→ What is being asked: Your answer should be one number: how many lines of the data include the string "IFCPOLYGONALFACESET"?

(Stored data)
+ + +
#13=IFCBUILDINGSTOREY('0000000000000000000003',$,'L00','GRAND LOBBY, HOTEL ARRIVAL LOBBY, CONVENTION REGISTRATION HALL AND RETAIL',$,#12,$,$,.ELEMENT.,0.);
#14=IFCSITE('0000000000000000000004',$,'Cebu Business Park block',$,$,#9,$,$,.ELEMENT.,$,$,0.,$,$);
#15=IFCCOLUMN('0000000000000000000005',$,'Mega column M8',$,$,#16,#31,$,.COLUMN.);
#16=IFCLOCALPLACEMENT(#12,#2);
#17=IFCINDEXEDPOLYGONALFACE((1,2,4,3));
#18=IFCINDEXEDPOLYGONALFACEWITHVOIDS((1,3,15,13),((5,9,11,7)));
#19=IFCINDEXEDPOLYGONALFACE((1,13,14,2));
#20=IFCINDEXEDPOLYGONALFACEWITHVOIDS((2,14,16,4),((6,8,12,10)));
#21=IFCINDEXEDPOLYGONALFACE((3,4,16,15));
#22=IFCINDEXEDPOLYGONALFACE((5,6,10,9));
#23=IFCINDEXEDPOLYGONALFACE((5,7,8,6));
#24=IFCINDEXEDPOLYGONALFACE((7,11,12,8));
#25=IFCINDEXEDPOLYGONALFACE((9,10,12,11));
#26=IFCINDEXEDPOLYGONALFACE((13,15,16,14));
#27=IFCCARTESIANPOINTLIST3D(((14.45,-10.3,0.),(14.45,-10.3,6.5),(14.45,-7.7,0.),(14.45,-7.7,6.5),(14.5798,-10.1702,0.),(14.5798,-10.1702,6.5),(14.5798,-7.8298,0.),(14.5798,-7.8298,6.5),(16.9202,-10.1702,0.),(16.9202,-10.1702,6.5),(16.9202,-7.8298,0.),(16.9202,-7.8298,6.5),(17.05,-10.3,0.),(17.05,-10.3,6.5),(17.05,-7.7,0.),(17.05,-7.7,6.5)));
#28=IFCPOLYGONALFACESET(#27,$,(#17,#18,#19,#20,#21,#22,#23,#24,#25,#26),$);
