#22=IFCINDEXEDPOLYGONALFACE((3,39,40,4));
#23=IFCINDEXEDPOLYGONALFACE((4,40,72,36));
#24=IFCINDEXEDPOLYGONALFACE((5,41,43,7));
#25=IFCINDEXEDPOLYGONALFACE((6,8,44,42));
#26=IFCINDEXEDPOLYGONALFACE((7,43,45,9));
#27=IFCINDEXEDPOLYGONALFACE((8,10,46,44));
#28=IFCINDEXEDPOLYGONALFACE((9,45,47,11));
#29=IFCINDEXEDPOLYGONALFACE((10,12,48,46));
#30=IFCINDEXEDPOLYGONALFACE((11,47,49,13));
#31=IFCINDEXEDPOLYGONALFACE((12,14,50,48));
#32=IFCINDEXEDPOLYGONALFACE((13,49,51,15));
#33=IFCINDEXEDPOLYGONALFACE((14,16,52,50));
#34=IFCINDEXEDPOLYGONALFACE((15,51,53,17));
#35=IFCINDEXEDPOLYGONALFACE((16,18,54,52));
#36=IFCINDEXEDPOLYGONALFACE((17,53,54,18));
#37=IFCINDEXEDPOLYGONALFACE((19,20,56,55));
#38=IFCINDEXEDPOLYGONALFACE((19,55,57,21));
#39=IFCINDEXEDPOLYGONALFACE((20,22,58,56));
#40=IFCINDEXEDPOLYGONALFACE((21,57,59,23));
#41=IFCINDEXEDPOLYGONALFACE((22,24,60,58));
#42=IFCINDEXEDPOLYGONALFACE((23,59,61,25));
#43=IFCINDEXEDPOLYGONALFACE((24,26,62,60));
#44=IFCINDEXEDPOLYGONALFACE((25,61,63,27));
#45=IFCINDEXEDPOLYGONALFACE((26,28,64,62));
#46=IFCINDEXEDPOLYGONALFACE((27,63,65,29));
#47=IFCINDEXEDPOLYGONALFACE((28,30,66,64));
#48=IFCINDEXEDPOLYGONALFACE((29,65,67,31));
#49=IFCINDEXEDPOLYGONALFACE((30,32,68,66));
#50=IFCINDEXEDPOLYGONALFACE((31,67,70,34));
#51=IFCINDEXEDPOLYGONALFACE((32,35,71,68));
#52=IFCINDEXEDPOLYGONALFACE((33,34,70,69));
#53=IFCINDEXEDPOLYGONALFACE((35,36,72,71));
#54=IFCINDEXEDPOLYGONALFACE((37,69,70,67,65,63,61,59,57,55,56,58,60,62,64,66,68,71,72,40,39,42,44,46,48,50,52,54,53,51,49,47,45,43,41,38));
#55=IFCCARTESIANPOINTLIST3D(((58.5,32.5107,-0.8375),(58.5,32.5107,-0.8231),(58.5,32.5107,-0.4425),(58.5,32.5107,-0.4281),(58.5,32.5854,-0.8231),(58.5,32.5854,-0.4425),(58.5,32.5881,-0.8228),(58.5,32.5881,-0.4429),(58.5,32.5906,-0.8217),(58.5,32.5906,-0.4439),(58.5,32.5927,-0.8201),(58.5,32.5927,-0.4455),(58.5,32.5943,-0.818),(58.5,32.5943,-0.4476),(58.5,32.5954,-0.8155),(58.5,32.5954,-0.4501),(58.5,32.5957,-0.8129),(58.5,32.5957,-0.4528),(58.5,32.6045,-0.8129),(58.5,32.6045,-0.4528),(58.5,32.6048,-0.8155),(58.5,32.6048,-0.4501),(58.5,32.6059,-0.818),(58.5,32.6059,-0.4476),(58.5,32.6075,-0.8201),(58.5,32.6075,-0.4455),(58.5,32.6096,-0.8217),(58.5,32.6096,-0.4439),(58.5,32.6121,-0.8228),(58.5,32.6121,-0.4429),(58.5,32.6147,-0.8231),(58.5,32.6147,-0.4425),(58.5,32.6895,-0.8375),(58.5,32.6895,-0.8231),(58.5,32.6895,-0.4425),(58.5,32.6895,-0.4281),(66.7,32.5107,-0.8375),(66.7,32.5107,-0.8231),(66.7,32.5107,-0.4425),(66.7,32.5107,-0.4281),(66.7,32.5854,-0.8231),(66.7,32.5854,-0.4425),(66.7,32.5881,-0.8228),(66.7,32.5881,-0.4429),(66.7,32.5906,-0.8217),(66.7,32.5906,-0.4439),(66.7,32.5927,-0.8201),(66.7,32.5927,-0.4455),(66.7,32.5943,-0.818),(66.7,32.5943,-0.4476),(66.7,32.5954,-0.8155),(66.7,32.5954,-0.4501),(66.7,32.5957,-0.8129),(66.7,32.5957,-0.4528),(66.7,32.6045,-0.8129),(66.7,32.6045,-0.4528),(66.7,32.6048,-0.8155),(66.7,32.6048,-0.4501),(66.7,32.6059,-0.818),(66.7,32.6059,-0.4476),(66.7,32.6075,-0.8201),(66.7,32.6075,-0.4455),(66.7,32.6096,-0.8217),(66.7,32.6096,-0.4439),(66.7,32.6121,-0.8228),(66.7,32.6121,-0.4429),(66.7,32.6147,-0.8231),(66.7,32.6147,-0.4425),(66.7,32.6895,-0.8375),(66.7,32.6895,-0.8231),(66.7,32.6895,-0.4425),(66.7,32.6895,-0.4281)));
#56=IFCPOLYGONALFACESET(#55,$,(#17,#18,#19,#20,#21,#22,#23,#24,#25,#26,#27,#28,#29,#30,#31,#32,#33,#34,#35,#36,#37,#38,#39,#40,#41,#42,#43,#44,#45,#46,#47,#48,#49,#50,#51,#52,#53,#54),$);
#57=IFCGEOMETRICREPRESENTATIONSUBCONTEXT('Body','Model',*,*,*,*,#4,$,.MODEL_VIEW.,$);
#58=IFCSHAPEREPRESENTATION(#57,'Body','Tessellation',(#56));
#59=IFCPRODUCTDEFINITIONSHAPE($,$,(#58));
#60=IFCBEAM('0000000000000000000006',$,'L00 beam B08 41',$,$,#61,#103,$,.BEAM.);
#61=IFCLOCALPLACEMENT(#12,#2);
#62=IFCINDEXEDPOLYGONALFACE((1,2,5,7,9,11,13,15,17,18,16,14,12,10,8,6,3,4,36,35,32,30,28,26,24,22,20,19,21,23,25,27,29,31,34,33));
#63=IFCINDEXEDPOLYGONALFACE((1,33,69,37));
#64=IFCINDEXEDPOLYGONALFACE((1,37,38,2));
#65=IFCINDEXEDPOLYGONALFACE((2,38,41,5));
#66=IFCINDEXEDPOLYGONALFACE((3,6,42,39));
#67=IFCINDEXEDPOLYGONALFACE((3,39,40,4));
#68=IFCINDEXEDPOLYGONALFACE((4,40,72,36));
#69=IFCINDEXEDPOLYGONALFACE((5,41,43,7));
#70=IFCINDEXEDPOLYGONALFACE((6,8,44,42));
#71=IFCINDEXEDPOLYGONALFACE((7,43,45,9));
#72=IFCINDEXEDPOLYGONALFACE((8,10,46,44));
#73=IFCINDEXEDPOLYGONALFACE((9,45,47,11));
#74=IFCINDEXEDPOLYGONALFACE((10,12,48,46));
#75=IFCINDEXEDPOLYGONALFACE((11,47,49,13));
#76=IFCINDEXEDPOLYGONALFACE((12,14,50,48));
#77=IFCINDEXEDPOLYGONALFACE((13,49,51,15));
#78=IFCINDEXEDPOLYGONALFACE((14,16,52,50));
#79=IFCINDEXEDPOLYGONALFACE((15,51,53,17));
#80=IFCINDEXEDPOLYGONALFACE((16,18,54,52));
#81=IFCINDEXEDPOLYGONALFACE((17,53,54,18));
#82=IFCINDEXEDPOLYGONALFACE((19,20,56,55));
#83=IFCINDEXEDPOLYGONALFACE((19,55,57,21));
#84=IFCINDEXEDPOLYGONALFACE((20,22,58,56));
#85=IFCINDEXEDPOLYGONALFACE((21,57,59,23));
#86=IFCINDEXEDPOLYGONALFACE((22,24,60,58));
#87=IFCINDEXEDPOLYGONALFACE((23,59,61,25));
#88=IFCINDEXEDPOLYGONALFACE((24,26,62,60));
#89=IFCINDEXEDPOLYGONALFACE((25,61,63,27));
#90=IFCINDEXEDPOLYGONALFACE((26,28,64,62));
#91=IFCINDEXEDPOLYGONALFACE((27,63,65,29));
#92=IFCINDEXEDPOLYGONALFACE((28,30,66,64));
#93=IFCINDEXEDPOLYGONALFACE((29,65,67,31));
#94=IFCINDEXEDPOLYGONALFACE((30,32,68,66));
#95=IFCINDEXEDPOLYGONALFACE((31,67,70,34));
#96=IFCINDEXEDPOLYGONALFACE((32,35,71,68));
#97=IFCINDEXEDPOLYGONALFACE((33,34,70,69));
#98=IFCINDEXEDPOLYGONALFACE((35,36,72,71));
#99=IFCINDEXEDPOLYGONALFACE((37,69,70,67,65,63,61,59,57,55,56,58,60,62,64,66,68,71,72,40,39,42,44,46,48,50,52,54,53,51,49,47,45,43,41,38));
+ + +
→ Exercise response: 2